> _EXERCISE INPUT_
══════════════════════════════
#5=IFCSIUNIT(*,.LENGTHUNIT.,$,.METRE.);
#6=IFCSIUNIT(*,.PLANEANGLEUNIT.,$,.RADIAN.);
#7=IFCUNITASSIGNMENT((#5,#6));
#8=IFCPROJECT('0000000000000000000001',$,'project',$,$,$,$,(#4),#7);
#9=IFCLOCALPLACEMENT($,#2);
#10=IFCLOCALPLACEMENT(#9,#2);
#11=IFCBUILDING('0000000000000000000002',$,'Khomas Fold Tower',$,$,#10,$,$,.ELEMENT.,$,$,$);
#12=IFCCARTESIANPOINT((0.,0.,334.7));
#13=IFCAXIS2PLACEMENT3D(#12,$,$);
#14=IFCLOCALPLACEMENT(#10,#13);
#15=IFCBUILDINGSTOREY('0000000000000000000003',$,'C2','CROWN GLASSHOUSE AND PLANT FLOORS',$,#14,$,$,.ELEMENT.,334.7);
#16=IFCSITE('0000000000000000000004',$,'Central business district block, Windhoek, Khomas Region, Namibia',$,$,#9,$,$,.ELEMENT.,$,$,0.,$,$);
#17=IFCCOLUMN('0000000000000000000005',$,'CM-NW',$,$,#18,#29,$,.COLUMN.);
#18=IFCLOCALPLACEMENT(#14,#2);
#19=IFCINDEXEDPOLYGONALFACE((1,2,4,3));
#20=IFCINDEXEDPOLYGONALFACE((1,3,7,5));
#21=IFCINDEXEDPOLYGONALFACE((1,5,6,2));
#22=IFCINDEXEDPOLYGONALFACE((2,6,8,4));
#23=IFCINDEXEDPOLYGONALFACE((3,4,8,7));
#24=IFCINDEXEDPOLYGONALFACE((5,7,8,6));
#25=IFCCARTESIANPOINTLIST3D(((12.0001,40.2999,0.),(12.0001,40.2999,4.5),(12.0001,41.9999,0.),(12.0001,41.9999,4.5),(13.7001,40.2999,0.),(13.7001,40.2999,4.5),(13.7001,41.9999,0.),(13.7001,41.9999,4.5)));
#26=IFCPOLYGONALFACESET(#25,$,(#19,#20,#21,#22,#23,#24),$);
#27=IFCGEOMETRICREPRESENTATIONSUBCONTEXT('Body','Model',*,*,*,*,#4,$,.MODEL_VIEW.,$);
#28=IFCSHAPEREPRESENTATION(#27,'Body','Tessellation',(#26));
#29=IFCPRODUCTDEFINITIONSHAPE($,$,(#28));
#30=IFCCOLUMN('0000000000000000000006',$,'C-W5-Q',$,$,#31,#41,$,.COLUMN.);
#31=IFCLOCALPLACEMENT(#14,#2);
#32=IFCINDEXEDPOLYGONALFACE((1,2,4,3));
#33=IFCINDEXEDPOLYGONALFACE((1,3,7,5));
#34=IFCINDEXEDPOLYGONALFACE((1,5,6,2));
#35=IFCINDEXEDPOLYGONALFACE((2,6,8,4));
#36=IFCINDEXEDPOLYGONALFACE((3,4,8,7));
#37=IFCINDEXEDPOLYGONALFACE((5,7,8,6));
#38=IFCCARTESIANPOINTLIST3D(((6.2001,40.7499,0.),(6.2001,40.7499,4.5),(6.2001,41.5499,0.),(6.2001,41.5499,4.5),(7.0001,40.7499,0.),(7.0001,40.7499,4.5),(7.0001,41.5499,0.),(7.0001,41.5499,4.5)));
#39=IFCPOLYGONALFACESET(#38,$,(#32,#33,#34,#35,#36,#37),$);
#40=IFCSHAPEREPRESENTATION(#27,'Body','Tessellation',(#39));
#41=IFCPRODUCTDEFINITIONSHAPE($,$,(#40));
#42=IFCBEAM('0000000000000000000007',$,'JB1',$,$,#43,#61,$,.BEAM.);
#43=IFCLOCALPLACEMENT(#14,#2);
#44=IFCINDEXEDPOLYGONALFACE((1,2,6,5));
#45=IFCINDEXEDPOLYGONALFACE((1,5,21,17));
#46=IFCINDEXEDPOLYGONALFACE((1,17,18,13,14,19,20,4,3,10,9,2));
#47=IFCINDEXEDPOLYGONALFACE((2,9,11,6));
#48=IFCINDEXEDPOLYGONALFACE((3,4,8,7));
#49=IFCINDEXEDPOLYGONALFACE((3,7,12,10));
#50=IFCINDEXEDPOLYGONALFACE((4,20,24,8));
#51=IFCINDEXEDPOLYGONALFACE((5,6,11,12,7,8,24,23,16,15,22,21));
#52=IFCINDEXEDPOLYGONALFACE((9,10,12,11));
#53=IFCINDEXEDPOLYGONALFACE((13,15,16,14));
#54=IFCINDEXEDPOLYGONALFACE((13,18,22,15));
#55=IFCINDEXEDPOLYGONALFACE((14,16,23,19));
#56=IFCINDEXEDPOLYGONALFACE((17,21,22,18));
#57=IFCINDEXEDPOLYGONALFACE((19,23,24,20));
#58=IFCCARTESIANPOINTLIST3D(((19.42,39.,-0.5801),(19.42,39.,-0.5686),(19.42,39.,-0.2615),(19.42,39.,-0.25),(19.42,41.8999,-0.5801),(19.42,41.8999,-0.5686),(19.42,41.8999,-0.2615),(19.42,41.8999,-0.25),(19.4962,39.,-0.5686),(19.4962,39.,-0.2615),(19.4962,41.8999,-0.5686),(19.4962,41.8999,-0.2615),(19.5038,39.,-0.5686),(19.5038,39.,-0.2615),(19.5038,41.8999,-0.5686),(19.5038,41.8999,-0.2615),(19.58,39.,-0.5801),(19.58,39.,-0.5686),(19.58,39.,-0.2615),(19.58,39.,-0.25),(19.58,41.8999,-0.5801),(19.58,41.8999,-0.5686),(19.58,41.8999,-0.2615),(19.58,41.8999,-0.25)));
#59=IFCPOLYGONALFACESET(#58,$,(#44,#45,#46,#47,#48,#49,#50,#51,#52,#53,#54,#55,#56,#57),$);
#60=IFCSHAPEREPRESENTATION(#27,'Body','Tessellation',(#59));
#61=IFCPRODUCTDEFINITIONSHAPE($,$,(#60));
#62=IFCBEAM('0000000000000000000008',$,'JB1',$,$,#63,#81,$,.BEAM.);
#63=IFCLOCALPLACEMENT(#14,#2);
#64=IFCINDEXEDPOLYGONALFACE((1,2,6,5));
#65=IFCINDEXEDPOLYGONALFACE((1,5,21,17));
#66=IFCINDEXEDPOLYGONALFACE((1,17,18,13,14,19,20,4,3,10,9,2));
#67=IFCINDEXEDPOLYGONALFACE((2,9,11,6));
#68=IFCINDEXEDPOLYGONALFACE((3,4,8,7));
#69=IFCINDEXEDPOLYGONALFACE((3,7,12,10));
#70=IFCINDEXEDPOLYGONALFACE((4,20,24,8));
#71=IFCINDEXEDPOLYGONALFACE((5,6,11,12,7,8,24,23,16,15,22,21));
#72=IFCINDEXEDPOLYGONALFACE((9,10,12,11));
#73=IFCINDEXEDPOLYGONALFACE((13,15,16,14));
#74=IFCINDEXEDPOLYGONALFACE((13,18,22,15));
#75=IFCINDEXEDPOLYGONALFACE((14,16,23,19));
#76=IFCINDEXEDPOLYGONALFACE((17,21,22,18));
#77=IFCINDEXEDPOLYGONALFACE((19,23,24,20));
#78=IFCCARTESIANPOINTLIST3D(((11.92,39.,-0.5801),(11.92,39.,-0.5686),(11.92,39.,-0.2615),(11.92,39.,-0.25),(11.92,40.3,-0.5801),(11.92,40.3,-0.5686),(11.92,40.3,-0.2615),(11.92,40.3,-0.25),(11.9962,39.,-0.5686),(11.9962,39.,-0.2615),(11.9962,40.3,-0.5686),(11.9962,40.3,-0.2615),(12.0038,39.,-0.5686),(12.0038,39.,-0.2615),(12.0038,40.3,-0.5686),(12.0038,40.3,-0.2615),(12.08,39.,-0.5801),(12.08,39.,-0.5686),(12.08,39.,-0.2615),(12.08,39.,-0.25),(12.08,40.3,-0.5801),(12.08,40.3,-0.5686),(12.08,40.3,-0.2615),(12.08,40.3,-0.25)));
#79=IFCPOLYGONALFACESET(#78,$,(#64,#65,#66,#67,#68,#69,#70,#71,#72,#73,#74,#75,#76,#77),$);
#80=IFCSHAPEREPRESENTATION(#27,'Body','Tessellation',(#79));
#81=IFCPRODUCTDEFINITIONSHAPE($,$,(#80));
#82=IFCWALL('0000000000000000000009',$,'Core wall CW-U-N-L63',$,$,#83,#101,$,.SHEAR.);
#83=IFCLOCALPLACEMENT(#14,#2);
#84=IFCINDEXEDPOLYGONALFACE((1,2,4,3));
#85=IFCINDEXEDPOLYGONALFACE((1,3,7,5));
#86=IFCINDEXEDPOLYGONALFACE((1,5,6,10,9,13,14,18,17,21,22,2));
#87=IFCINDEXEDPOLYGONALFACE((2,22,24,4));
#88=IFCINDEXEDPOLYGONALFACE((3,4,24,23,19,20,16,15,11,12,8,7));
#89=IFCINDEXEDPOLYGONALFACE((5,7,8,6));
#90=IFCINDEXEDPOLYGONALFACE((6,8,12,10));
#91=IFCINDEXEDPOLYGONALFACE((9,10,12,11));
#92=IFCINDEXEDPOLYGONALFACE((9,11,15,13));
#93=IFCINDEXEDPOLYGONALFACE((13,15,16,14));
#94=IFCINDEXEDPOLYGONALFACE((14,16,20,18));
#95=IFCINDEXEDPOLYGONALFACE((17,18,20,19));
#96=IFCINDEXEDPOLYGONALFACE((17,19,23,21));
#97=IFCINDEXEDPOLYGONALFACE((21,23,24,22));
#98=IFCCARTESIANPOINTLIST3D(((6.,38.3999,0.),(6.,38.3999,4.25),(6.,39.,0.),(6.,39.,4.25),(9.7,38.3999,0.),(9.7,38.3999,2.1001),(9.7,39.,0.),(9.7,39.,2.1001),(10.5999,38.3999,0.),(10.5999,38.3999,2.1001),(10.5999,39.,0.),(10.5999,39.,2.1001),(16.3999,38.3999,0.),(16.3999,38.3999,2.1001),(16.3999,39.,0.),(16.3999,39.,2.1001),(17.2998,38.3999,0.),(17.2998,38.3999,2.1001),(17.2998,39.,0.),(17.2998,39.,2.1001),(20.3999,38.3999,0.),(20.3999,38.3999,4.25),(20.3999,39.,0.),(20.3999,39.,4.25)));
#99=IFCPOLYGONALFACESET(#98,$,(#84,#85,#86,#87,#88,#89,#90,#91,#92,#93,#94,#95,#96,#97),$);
══════════════════════════════
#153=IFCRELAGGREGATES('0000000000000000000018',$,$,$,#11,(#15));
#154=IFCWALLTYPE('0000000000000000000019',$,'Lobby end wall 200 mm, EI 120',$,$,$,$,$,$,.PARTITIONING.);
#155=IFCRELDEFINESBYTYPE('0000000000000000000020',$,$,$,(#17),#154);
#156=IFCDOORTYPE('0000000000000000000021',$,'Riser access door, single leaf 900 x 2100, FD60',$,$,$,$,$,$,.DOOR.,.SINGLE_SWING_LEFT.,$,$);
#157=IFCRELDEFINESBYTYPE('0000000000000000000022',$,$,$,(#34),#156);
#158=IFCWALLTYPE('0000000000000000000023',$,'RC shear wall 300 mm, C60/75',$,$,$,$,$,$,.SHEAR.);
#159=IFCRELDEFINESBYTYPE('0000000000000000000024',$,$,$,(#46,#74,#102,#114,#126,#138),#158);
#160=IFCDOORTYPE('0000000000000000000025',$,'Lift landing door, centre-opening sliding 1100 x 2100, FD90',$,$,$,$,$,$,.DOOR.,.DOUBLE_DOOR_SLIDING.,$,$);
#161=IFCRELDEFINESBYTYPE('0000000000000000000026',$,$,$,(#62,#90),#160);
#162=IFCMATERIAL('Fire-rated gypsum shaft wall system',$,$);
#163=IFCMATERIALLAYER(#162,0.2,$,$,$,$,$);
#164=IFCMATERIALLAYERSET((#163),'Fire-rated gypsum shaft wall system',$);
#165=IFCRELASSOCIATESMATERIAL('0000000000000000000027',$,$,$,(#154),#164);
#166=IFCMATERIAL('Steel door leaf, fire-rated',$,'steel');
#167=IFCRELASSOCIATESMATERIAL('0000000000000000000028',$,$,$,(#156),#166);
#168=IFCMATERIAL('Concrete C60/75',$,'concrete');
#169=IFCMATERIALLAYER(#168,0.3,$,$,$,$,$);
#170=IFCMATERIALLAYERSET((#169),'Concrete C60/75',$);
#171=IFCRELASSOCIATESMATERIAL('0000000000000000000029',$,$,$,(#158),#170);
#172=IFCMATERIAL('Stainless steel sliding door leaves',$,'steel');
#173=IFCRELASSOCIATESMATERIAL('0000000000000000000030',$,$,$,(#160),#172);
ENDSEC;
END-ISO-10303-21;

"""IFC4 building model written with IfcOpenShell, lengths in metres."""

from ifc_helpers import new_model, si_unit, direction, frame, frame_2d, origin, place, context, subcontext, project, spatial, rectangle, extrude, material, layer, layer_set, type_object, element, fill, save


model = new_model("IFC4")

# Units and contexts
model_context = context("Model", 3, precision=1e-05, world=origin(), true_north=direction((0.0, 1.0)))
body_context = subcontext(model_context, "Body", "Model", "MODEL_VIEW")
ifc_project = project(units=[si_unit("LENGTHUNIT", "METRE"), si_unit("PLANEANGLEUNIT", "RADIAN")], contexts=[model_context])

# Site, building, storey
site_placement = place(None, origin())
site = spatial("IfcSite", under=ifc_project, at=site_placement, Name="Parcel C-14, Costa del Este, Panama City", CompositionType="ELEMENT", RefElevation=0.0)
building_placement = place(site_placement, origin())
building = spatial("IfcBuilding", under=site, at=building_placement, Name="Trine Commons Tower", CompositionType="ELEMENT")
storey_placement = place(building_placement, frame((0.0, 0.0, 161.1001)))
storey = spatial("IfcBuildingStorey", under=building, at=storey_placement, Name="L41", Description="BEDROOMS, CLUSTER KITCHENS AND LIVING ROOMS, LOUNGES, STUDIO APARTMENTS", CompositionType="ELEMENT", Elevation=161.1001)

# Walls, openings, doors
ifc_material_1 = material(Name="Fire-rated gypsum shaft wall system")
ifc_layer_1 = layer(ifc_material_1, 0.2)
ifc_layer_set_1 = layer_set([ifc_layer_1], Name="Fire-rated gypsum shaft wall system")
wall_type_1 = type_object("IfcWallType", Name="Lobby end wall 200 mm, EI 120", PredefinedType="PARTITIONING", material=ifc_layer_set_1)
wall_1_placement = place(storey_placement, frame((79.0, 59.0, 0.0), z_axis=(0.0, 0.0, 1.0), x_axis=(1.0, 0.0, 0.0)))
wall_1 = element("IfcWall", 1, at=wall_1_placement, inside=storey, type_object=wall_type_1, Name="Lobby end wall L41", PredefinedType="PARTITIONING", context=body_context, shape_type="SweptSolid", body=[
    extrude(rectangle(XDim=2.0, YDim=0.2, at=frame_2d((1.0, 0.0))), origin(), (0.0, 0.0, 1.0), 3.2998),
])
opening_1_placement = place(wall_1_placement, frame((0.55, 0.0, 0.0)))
══════════════════════════════
> _TASK OBJECTIVE_
Using the listing above, return word for word each line from the one that has "#5=IFCSIUNIT(*,.LENGTHUNIT.,$,.METRE.);" through the one that has "#10=IFCLOCALPLACEMENT(#9,#2);", and no line outside that range.

> _TASK OUTPUT_
#5=IFCSIUNIT(*,.LENGTHUNIT.,$,.METRE.);
#6=IFCSIUNIT(*,.PLANEANGLEUNIT.,$,.RADIAN.);
#7=IFCUNITASSIGNMENT((#5,#6));
#8=IFCPROJECT('0000000000000000000001',$,'project',$,$,$,$,(#4),#7);
#9=IFCLOCALPLACEMENT($,#2);
#10=IFCLOCALPLACEMENT(#9,#2);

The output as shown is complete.